Pull every line containing the word "Fire" from the records.

(Material to process Opens)

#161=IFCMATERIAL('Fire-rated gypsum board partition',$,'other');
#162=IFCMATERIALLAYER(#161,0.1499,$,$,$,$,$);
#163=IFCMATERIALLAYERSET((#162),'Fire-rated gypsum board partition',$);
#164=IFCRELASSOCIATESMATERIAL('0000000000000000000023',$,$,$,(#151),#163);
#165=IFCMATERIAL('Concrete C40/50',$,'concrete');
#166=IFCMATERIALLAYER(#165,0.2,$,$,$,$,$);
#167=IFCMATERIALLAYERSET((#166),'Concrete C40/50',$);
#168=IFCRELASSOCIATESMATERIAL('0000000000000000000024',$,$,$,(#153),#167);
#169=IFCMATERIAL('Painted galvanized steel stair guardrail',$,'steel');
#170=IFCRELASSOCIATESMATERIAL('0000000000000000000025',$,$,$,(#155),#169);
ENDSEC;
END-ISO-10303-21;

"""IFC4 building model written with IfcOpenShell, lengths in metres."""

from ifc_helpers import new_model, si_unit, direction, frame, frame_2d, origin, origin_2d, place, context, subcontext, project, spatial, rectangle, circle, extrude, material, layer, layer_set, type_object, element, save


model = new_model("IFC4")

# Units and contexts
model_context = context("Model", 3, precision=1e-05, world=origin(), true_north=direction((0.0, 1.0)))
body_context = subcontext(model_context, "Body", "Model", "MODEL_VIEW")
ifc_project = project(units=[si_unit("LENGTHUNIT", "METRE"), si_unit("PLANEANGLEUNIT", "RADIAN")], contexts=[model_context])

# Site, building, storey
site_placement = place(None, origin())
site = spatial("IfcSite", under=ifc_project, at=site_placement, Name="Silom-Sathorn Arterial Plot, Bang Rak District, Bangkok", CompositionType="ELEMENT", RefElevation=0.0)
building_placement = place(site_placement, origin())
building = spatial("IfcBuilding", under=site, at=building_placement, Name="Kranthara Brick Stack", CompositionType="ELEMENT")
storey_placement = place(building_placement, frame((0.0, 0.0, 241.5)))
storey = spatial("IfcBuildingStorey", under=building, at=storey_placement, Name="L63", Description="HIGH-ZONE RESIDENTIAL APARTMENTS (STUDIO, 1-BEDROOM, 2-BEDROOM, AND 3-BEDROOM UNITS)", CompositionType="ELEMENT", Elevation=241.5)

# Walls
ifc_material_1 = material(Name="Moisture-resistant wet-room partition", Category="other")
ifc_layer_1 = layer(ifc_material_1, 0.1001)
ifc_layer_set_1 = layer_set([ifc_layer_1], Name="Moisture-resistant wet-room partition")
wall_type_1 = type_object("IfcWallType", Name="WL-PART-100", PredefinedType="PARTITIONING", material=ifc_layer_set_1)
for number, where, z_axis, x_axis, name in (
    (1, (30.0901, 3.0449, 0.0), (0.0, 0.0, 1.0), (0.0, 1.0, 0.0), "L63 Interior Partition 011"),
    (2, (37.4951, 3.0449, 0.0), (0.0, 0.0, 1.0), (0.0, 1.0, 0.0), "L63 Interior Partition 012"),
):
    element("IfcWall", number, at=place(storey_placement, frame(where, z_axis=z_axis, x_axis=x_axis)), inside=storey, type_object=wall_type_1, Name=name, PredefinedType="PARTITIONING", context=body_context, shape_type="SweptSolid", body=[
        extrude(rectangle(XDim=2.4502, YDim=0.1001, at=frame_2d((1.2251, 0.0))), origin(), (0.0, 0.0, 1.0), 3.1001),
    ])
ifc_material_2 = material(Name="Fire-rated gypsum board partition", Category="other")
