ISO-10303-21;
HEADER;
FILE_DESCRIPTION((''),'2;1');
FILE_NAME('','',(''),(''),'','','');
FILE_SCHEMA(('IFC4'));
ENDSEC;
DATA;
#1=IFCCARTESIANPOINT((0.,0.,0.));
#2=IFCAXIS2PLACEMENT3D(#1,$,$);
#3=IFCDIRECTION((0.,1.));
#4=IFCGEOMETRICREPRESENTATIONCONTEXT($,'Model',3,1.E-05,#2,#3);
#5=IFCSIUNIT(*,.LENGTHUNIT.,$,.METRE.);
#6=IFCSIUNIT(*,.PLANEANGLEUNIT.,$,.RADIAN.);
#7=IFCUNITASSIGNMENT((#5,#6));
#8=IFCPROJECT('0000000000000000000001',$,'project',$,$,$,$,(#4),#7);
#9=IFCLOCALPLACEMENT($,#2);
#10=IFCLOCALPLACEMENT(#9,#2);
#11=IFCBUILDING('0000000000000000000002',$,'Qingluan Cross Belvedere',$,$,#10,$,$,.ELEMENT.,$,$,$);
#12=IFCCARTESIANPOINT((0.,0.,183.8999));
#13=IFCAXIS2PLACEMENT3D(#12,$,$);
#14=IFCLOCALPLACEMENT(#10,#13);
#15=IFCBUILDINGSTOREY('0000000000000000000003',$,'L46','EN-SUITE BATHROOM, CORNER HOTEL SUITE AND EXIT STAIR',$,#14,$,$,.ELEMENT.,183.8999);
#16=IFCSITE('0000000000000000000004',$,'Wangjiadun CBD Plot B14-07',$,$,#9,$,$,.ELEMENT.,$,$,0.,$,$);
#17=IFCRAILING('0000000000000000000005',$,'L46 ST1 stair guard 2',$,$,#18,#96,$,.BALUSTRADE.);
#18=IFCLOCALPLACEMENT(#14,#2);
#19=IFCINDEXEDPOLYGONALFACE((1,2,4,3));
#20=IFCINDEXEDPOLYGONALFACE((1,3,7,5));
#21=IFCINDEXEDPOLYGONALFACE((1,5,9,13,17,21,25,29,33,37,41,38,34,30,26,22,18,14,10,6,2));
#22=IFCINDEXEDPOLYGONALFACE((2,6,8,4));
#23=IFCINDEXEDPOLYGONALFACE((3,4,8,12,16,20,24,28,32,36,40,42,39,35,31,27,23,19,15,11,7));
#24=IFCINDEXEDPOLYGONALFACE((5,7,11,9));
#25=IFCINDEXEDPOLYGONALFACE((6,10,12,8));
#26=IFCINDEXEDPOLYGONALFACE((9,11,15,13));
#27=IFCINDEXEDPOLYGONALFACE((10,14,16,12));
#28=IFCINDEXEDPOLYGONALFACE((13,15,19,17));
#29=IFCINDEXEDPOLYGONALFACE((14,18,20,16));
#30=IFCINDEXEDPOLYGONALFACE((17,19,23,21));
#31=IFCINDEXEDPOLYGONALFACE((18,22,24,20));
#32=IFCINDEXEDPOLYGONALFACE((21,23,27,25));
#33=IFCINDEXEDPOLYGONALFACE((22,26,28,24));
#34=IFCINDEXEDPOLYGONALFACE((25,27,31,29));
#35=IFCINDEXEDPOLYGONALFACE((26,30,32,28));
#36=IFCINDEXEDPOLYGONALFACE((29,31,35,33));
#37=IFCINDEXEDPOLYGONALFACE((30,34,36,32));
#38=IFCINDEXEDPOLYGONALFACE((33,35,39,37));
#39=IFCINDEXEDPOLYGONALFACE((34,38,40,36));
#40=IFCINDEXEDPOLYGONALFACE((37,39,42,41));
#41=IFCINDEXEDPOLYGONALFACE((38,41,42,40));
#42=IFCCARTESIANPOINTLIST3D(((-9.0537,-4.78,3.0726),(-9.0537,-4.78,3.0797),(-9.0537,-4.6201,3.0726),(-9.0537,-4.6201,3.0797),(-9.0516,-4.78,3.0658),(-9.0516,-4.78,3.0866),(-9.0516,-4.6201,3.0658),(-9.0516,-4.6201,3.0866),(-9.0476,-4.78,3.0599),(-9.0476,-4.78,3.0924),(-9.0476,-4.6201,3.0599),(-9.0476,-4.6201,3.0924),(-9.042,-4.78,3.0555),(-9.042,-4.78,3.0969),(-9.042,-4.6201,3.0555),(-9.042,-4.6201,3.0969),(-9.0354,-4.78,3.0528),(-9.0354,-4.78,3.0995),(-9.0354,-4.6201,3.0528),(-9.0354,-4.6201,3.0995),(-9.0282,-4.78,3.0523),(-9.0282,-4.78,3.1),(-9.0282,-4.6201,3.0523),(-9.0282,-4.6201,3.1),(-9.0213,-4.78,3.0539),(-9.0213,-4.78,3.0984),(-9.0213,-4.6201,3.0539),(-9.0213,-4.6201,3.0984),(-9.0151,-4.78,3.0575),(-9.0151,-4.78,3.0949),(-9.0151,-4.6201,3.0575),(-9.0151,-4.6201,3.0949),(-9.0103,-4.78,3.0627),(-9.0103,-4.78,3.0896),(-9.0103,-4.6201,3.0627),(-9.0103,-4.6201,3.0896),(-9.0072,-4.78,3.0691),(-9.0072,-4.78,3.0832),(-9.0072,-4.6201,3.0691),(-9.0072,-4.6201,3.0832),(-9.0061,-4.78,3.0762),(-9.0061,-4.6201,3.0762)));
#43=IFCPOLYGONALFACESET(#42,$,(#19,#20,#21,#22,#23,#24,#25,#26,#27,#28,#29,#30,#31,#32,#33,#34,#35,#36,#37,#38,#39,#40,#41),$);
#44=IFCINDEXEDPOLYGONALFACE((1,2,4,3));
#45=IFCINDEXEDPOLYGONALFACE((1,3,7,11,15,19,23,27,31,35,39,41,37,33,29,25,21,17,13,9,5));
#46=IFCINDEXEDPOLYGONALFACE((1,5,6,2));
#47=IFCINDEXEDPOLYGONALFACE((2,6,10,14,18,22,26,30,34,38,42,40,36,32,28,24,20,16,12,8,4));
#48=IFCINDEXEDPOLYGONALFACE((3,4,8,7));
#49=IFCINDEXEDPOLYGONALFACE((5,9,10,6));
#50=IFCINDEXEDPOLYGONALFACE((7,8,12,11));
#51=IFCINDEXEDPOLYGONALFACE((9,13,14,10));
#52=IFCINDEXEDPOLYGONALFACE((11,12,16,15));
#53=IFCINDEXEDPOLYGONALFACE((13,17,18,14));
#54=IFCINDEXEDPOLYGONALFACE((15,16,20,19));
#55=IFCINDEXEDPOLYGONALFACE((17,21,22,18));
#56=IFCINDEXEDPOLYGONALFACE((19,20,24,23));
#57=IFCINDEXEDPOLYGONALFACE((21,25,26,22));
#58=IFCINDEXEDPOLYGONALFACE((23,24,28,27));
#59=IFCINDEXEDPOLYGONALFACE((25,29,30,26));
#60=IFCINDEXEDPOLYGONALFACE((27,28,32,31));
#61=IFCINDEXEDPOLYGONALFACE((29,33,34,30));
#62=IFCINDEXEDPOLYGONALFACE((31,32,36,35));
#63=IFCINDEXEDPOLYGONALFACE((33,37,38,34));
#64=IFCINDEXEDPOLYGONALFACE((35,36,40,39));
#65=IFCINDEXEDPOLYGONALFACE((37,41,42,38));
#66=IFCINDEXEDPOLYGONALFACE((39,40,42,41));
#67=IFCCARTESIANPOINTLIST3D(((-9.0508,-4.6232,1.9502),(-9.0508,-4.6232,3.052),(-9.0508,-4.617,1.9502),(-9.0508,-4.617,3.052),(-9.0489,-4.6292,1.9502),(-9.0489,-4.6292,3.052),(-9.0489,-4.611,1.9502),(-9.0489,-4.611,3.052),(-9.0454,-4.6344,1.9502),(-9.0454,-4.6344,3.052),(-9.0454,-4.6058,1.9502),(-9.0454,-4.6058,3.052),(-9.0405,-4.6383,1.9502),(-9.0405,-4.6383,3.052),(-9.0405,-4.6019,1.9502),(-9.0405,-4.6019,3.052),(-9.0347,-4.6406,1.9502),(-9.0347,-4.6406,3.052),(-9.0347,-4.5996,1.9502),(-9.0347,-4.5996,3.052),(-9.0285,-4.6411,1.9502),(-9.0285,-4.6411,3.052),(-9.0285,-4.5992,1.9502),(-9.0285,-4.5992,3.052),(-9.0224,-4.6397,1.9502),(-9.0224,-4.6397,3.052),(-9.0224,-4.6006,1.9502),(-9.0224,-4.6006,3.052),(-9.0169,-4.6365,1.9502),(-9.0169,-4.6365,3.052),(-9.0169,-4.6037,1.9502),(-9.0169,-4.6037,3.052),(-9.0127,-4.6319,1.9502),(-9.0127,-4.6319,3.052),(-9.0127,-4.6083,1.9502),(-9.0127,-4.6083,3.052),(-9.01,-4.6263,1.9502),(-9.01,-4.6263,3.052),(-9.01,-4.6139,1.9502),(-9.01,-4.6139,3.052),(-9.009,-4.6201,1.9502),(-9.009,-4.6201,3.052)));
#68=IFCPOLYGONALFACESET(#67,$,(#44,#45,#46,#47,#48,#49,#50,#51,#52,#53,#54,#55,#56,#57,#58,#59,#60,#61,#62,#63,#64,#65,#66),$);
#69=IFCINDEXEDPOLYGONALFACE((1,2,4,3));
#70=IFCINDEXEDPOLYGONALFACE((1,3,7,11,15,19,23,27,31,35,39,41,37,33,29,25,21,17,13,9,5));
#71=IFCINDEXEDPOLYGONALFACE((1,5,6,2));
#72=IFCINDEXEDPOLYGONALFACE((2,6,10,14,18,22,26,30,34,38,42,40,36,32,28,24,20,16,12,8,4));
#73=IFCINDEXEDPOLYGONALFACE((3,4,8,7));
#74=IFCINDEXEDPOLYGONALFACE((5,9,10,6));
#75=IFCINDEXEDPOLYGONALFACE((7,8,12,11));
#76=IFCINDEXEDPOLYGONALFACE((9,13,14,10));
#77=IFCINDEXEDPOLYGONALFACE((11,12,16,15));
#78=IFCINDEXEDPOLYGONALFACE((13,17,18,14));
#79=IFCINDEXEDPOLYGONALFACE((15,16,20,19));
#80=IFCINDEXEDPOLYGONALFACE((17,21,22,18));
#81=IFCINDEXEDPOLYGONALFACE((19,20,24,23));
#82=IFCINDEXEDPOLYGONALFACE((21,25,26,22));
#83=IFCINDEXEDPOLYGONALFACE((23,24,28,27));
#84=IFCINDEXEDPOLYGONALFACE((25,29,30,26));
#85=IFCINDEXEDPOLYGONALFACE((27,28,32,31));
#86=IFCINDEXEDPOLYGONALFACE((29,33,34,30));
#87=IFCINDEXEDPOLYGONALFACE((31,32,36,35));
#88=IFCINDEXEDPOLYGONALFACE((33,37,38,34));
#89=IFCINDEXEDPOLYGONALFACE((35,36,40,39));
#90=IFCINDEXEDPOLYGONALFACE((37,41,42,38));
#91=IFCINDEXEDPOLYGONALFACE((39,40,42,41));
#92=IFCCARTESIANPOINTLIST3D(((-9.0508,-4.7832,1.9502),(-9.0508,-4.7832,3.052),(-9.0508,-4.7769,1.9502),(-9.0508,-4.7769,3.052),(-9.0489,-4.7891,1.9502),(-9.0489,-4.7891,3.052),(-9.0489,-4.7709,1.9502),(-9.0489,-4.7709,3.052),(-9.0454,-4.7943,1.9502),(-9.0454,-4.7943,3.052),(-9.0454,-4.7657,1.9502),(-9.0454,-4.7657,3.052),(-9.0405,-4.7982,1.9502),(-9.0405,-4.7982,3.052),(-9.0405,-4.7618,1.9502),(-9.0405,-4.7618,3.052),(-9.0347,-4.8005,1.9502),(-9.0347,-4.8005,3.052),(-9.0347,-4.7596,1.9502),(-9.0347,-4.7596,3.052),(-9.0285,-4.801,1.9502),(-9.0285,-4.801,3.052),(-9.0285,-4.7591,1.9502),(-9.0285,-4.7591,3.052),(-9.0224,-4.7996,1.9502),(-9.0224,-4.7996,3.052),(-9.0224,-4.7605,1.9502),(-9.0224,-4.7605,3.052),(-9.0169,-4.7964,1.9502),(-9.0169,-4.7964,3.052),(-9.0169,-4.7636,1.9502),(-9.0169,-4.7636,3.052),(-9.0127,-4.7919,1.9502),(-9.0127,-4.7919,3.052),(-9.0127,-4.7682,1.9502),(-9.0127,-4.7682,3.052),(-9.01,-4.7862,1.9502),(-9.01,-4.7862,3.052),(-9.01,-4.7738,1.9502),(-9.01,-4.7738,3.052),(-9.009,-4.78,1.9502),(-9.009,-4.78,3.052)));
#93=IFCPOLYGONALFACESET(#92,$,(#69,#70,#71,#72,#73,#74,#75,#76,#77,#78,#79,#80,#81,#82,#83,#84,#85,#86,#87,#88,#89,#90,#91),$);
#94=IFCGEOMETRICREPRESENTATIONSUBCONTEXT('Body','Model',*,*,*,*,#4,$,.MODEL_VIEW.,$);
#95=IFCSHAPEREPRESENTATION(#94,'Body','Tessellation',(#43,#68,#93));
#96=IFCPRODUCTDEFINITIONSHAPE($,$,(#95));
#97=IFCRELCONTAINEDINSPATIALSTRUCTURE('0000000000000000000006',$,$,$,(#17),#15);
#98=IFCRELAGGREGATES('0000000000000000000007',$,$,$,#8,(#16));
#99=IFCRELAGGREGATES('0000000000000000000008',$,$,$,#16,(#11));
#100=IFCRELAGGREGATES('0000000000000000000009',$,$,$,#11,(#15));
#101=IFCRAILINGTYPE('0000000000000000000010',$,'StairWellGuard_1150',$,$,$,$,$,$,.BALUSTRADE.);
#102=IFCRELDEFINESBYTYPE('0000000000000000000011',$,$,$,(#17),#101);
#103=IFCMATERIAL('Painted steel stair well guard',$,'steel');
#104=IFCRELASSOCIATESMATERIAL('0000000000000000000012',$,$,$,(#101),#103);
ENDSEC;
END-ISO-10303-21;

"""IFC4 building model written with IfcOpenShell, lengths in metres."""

from ifc_helpers import new_model, si_unit, direction, frame, origin, origin_2d, place, context, subcontext, project, spatial, circle, extrude, material, type_object, element, save


model = new_model("IFC4")

# Units and contexts
model_context = context("Model", 3, precision=1e-05, world=origin(), true_north=direction((0.0, 1.0)))
body_context = subcontext(model_context, "Body", "Model", "MODEL_VIEW")
ifc_project = project(units=[si_unit("LENGTHUNIT", "METRE"), si_unit("PLANEANGLEUNIT", "RADIAN")], contexts=[model_context])

# Site, building, storey
site_placement = place(None, origin())
site = spatial("IfcSite", under=ifc_project, at=site_placement, Name="Wangjiadun CBD Plot B14-07", CompositionType="ELEMENT", RefElevation=0.0)
building_placement = place(site_placement, origin())
building = spatial("IfcBuilding", under=site, at=building_placement, Name="Qingluan Cross Belvedere", CompositionType="ELEMENT")
storey_placement = place(building_placement, frame((0.0, 0.0, 183.8999)))
storey = spatial("IfcBuildingStorey", under=building, at=storey_placement, Name="L46", Description="EN-SUITE BATHROOM, CORNER HOTEL SUITE AND EXIT STAIR", CompositionType="ELEMENT", Elevation=183.8999)

# Railing
ifc_material_1 = material(Name="Painted steel stair well guard", Category="steel")
railing_type_1 = type_object("IfcRailingType", Name="StairWellGuard_1150", PredefinedType="BALUSTRADE", material=ifc_material_1)
railing_1_placement = place(storey_placement, frame((-9.03, -4.6201, 1.9502)))
element("IfcRailing", 1, at=railing_1_placement, inside=storey, type_object=railing_type_1, Name="L46 ST1 stair guard 2", PredefinedType="BALUSTRADE", context=body_context, shape_type="SweptSolid", body=[
    extrude(circle(Radius=0.0239, at=origin_2d()), frame((0.0, 0.0, 1.126), z_axis=(0.0, -1.0, 0.0), x_axis=(1.0, 0.0, 0.0)), (0.0, 0.0, 1.0), 0.1599),
    extrude(circle(Radius=0.021, at=origin_2d()), origin(), (0.0, 0.0, 1.0), 1.1018),
    extrude(circle(Radius=0.021, at=origin_2d()), frame((0.0, -0.1599, 0.0)), (0.0, 0.0, 1.0), 1.1018),
])

save(model, "model.ifc")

(Material to process Closes)

• **Solution to the problem**:
#161=IFCMATERIAL('Fire-rated gypsum board partition',$,'other');
#163=IFCMATERIALLAYERSET((#162),'Fire-rated gypsum board partition',$);
ifc_material_2 = material(Name="Fire-rated gypsum board partition", Category="other")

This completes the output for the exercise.